(Extracted records)
================================

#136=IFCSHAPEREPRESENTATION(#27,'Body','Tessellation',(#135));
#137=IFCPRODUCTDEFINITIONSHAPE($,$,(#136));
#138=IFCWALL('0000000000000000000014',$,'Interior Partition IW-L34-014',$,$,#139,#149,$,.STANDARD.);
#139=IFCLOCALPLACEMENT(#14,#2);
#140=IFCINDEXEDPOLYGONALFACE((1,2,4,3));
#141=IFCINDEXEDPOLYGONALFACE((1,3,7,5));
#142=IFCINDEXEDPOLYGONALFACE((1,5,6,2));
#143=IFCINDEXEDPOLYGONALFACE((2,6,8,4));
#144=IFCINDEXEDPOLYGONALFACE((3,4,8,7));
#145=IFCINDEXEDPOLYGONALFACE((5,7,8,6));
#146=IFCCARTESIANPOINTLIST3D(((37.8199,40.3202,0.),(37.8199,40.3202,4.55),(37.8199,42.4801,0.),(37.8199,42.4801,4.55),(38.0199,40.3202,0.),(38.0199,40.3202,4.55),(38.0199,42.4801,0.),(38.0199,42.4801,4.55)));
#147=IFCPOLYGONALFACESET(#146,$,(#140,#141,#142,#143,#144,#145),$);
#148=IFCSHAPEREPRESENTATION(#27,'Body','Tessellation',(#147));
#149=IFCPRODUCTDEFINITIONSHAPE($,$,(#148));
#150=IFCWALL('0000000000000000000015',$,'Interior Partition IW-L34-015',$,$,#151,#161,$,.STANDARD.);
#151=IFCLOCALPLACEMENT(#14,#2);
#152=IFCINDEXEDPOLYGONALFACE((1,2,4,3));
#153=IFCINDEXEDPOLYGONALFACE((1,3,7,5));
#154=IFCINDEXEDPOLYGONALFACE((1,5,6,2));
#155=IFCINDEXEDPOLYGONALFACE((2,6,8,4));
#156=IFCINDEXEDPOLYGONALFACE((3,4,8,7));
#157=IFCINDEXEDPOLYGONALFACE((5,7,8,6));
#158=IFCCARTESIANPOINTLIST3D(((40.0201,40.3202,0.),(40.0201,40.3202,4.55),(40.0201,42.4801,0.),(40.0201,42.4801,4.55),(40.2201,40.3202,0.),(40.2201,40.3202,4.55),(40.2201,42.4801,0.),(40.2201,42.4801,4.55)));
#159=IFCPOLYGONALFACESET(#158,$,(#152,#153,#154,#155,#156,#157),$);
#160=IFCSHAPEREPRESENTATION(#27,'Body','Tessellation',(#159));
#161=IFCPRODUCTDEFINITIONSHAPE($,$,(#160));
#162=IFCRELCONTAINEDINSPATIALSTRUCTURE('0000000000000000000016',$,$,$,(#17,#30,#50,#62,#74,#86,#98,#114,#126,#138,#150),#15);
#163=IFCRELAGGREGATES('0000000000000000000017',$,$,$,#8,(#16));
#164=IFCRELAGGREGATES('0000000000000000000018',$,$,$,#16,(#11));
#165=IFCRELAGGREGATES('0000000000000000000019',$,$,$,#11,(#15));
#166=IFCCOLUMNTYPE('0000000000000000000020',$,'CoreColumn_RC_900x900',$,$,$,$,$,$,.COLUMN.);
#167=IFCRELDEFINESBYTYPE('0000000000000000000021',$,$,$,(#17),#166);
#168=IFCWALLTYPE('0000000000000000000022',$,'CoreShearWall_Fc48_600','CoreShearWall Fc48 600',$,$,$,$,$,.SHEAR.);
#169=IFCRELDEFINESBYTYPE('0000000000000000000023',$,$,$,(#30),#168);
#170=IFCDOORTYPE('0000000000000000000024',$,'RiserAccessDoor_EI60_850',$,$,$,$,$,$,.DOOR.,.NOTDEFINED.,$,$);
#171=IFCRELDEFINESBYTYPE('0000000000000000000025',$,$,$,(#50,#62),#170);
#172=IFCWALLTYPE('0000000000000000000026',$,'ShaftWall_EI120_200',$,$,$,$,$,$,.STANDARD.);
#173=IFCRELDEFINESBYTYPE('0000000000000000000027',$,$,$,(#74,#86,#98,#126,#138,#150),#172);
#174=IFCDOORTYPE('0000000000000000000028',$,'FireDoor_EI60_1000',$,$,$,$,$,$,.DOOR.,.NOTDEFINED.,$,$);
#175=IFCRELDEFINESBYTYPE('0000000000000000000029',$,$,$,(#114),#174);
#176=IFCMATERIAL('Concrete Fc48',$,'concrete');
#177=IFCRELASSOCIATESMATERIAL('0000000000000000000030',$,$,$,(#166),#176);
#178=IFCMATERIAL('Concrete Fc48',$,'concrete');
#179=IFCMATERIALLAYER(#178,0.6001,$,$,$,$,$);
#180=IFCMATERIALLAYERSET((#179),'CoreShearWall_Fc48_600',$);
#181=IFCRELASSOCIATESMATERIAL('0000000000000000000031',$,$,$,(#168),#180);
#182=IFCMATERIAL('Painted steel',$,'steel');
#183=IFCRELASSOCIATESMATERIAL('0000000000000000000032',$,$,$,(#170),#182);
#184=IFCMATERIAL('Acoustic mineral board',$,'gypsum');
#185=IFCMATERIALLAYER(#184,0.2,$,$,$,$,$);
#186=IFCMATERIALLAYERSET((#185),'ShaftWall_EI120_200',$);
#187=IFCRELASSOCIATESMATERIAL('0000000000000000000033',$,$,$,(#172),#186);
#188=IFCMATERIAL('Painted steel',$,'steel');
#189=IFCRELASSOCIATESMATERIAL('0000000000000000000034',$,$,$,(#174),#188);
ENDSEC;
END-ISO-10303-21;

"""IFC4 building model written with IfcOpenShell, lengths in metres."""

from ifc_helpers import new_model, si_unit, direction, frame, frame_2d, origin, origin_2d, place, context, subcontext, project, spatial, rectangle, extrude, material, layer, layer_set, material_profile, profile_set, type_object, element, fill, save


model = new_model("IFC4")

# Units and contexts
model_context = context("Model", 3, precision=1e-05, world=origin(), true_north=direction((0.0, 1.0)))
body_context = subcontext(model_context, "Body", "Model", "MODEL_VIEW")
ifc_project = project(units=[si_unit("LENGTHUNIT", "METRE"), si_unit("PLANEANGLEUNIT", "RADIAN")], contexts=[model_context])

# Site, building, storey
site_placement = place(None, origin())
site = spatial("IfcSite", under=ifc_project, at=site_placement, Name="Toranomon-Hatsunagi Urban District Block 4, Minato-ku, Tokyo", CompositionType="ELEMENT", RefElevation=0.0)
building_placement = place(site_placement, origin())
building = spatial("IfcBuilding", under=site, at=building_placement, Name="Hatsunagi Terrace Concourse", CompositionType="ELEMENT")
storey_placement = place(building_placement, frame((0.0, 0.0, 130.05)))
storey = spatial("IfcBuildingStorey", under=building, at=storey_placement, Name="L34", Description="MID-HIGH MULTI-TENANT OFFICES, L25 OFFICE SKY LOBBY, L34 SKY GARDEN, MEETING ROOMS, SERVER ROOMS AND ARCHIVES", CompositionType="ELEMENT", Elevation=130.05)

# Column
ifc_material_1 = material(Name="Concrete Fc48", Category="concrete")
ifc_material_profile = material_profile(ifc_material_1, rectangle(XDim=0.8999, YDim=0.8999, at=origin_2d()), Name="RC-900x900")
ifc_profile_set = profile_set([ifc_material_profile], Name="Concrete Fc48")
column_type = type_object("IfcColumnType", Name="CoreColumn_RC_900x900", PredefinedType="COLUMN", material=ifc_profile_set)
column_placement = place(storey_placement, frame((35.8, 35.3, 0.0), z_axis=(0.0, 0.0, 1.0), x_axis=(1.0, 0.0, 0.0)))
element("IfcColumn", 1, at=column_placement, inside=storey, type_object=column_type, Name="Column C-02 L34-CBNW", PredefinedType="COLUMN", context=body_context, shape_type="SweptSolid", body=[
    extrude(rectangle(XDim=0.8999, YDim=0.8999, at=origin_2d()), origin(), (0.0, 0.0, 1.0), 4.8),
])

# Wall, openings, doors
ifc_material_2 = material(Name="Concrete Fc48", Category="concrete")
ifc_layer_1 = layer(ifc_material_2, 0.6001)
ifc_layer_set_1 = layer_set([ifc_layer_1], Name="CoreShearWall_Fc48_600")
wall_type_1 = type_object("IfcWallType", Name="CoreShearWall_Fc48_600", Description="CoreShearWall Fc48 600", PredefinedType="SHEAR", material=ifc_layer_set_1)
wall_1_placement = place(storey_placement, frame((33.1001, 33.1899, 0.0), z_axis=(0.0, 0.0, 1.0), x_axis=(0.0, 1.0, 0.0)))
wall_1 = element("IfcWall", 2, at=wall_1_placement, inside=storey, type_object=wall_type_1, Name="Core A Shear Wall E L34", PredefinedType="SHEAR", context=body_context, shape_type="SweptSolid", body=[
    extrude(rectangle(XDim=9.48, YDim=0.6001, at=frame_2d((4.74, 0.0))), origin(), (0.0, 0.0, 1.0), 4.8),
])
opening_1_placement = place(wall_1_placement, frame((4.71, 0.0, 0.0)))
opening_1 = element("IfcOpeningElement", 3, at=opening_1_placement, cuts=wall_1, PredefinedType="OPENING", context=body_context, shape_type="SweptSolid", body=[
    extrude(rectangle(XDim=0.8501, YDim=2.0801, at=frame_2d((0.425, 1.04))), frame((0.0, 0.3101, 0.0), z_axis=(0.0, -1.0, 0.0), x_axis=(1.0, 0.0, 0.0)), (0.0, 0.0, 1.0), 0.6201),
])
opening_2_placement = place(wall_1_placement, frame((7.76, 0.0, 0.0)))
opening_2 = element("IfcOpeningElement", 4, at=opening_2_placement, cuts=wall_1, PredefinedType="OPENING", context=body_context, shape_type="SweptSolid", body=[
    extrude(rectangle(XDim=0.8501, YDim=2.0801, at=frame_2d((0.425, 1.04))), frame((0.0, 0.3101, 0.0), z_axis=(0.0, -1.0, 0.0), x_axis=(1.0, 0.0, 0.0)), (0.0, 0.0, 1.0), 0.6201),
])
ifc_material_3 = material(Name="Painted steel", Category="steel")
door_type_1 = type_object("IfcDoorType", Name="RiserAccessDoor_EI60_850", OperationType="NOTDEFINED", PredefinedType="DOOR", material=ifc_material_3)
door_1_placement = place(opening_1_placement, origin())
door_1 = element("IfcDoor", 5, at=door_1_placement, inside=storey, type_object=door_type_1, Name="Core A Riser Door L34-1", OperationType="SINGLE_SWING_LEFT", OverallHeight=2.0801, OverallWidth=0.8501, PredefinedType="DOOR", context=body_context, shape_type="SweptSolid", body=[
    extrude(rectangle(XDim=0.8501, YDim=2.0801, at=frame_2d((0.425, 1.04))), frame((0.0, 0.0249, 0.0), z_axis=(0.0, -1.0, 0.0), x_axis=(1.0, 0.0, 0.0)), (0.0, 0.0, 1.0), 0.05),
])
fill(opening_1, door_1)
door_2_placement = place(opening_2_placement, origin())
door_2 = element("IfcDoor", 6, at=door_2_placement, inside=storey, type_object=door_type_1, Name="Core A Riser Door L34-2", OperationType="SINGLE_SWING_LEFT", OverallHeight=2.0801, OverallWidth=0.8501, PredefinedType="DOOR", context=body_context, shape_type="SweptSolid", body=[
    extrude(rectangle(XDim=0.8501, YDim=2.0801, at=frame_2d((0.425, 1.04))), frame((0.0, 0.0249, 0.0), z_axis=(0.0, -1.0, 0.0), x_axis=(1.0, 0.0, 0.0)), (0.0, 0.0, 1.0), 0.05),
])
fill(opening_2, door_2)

================================

■ Work instructions
For the word "SweptSolid", count the lines of the data that contain it and state only that count.

■ Reply
6